Provided records:
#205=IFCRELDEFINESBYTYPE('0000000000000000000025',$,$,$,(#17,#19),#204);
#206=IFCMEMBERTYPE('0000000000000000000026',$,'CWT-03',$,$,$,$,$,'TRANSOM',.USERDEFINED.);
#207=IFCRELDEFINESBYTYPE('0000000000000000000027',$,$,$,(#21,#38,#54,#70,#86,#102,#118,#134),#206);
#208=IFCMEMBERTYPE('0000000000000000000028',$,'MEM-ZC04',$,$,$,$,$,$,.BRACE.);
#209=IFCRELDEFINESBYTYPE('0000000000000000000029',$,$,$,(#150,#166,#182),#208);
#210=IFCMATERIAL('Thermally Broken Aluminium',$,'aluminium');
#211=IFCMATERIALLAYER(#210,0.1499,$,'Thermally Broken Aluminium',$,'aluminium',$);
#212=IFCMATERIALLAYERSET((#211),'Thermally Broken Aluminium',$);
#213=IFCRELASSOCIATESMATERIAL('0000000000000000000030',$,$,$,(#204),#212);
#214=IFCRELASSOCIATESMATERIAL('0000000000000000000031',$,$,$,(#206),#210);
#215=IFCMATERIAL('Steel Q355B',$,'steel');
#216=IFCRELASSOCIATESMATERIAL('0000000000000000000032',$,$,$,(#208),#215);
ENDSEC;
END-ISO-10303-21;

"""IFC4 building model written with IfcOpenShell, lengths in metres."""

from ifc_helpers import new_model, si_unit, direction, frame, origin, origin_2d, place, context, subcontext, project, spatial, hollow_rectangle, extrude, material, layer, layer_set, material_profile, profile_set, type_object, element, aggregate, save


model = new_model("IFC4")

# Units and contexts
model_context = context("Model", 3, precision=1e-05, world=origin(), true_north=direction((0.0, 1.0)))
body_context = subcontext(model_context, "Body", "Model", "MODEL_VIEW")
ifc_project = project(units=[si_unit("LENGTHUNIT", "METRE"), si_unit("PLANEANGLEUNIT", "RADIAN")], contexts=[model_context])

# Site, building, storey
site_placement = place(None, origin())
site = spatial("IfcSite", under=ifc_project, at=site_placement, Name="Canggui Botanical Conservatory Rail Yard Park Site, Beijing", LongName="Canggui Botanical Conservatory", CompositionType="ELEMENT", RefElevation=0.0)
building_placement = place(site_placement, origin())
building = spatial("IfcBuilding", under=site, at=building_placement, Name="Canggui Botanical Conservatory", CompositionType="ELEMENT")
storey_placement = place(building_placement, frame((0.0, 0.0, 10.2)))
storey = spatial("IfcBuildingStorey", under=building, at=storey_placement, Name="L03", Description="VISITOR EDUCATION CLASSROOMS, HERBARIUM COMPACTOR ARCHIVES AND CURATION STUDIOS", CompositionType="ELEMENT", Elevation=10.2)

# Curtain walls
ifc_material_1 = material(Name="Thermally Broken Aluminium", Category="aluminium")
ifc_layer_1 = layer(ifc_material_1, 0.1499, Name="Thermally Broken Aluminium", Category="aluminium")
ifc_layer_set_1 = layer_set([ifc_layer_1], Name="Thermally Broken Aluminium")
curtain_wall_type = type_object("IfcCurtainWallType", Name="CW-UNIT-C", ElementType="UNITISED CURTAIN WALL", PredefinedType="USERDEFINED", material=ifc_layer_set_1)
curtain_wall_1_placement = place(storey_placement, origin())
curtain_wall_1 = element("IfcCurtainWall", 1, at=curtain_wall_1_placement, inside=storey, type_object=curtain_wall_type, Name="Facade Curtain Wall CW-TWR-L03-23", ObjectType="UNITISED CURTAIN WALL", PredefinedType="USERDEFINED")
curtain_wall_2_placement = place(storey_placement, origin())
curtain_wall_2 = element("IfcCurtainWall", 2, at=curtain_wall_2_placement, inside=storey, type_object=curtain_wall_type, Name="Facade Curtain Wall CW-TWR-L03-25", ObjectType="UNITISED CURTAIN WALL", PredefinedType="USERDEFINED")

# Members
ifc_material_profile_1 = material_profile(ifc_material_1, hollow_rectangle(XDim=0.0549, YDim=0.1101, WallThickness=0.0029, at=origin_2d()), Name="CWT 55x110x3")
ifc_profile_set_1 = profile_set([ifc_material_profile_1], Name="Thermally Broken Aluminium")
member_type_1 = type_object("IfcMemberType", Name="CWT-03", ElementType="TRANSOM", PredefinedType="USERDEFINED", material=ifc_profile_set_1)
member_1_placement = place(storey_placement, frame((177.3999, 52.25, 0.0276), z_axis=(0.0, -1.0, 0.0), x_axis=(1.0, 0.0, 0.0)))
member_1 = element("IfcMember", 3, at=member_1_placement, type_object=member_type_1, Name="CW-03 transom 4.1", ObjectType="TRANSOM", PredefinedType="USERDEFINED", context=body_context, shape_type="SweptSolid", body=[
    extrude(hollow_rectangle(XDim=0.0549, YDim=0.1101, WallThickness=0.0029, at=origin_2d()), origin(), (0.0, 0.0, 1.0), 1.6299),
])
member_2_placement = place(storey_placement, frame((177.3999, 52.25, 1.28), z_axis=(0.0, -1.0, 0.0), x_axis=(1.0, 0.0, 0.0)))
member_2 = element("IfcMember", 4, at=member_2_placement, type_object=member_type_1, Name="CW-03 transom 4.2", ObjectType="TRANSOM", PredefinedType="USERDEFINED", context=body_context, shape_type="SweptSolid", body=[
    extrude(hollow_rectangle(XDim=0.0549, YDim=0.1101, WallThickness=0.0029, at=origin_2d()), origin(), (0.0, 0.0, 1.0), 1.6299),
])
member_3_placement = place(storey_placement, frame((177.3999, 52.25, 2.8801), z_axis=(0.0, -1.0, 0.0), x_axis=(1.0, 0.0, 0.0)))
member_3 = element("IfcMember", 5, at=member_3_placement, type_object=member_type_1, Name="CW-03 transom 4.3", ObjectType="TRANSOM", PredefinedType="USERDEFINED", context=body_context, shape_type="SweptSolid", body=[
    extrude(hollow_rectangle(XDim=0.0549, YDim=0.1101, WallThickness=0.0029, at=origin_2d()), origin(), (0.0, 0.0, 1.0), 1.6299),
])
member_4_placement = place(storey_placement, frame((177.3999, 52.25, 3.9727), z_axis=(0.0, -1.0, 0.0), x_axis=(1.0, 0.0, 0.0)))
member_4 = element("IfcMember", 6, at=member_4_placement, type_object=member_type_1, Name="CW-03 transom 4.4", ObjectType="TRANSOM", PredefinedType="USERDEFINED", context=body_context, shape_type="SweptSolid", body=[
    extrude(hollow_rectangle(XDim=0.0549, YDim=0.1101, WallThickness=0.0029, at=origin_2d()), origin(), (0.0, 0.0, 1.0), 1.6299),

Exercise instructions:
Return the entries above word for word.

Written answer:
#205=IFCRELDEFINESBYTYPE('0000000000000000000025',$,$,$,(#17,#19),#204);
#206=IFCMEMBERTYPE('0000000000000000000026',$,'CWT-03',$,$,$,$,$,'TRANSOM',.USERDEFINED.);
#207=IFCRELDEFINESBYTYPE('0000000000000000000027',$,$,$,(#21,#38,#54,#70,#86,#102,#118,#134),#206);
#208=IFCMEMBERTYPE('0000000000000000000028',$,'MEM-ZC04',$,$,$,$,$,$,.BRACE.);
#209=IFCRELDEFINESBYTYPE('0000000000000000000029',$,$,$,(#150,#166,#182),#208);
#210=IFCMATERIAL('Thermally Broken Aluminium',$,'aluminium');
#211=IFCMATERIALLAYER(#210,0.1499,$,'Thermally Broken Aluminium',$,'aluminium',$);
#212=IFCMATERIALLAYERSET((#211),'Thermally Broken Aluminium',$);
#213=IFCRELASSOCIATESMATERIAL('0000000000000000000030',$,$,$,(#204),#212);
#214=IFCRELASSOCIATESMATERIAL('0000000000000000000031',$,$,$,(#206),#210);
#215=IFCMATERIAL('Steel Q355B',$,'steel');
#216=IFCRELASSOCIATESMATERIAL('0000000000000000000032',$,$,$,(#208),#215);
ENDSEC;
END-ISO-10303-21;

"""IFC4 building model written with IfcOpenShell, lengths in metres."""

from ifc_helpers import new_model, si_unit, direction, frame, origin, origin_2d, place, context, subcontext, project, spatial, hollow_rectangle, extrude, material, layer, layer_set, material_profile, profile_set, type_object, element, aggregate, save


model = new_model("IFC4")

# Units and contexts
model_context = context("Model", 3, precision=1e-05, world=origin(), true_north=direction((0.0, 1.0)))
body_context = subcontext(model_context, "Body", "Model", "MODEL_VIEW")
ifc_project = project(units=[si_unit("LENGTHUNIT", "METRE"), si_unit("PLANEANGLEUNIT", "RADIAN")], contexts=[model_context])

# Site, building, storey
site_placement = place(None, origin())
site = spatial("IfcSite", under=ifc_project, at=site_placement, Name="Canggui Botanical Conservatory Rail Yard Park Site, Beijing", LongName="Canggui Botanical Conservatory", CompositionType="ELEMENT", RefElevation=0.0)
building_placement = place(site_placement, origin())
building = spatial("IfcBuilding", under=site, at=building_placement, Name="Canggui Botanical Conservatory", CompositionType="ELEMENT")
storey_placement = place(building_placement, frame((0.0, 0.0, 10.2)))
storey = spatial("IfcBuildingStorey", under=building, at=storey_placement, Name="L03", Description="VISITOR EDUCATION CLASSROOMS, HERBARIUM COMPACTOR ARCHIVES AND CURATION STUDIOS", CompositionType="ELEMENT", Elevation=10.2)

# Curtain walls
ifc_material_1 = material(Name="Thermally Broken Aluminium", Category="aluminium")
ifc_layer_1 = layer(ifc_material_1, 0.1499, Name="Thermally Broken Aluminium", Category="aluminium")
ifc_layer_set_1 = layer_set([ifc_layer_1], Name="Thermally Broken Aluminium")
curtain_wall_type = type_object("IfcCurtainWallType", Name="CW-UNIT-C", ElementType="UNITISED CURTAIN WALL", PredefinedType="USERDEFINED", material=ifc_layer_set_1)
curtain_wall_1_placement = place(storey_placement, origin())
curtain_wall_1 = element("IfcCurtainWall", 1, at=curtain_wall_1_placement, inside=storey, type_object=curtain_wall_type, Name="Facade Curtain Wall CW-TWR-L03-23", ObjectType="UNITISED CURTAIN WALL", PredefinedType="USERDEFINED")
curtain_wall_2_placement = place(storey_placement, origin())
curtain_wall_2 = element("IfcCurtainWall", 2, at=curtain_wall_2_placement, inside=storey, type_object=curtain_wall_type, Name="Facade Curtain Wall CW-TWR-L03-25", ObjectType="UNITISED CURTAIN WALL", PredefinedType="USERDEFINED")

# Members
ifc_material_profile_1 = material_profile(ifc_material_1, hollow_rectangle(XDim=0.0549, YDim=0.1101, WallThickness=0.0029, at=origin_2d()), Name="CWT 55x110x3")
ifc_profile_set_1 = profile_set([ifc_material_profile_1], Name="Thermally Broken Aluminium")
member_type_1 = type_object("IfcMemberType", Name="CWT-03", ElementType="TRANSOM", PredefinedType="USERDEFINED", material=ifc_profile_set_1)
member_1_placement = place(storey_placement, frame((177.3999, 52.25, 0.0276), z_axis=(0.0, -1.0, 0.0), x_axis=(1.0, 0.0, 0.0)))
member_1 = element("IfcMember", 3, at=member_1_placement, type_object=member_type_1, Name="CW-03 transom 4.1", ObjectType="TRANSOM", PredefinedType="USERDEFINED", context=body_context, shape_type="SweptSolid", body=[
    extrude(hollow_rectangle(XDim=0.0549, YDim=0.1101, WallThickness=0.0029, at=origin_2d()), origin(), (0.0, 0.0, 1.0), 1.6299),
])
member_2_placement = place(storey_placement, frame((177.3999, 52.25, 1.28), z_axis=(0.0, -1.0, 0.0), x_axis=(1.0, 0.0, 0.0)))
member_2 = element("IfcMember", 4, at=member_2_placement, type_object=member_type_1, Name="CW-03 transom 4.2", ObjectType="TRANSOM", PredefinedType="USERDEFINED", context=body_context, shape_type="SweptSolid", body=[
    extrude(hollow_rectangle(XDim=0.0549, YDim=0.1101, WallThickness=0.0029, at=origin_2d()), origin(), (0.0, 0.0, 1.0), 1.6299),
])
member_3_placement = place(storey_placement, frame((177.3999, 52.25, 2.8801), z_axis=(0.0, -1.0, 0.0), x_axis=(1.0, 0.0, 0.0)))
member_3 = element("IfcMember", 5, at=member_3_placement, type_object=member_type_1, Name="CW-03 transom 4.3", ObjectType="TRANSOM", PredefinedType="USERDEFINED", context=body_context, shape_type="SweptSolid", body=[
    extrude(hollow_rectangle(XDim=0.0549, YDim=0.1101, WallThickness=0.0029, at=origin_2d()), origin(), (0.0, 0.0, 1.0), 1.6299),
])
member_4_placement = place(storey_placement, frame((177.3999, 52.25, 3.9727), z_axis=(0.0, -1.0, 0.0), x_axis=(1.0, 0.0, 0.0)))
member_4 = element("IfcMember", 6, at=member_4_placement, type_object=member_type_1, Name="CW-03 transom 4.4", ObjectType="TRANSOM", PredefinedType="USERDEFINED", context=body_context, shape_type="SweptSolid", body=[
    extrude(hollow_rectangle(XDim=0.0549, YDim=0.1101, WallThickness=0.0029, at=origin_2d()), origin(), (0.0, 0.0, 1.0), 1.6299),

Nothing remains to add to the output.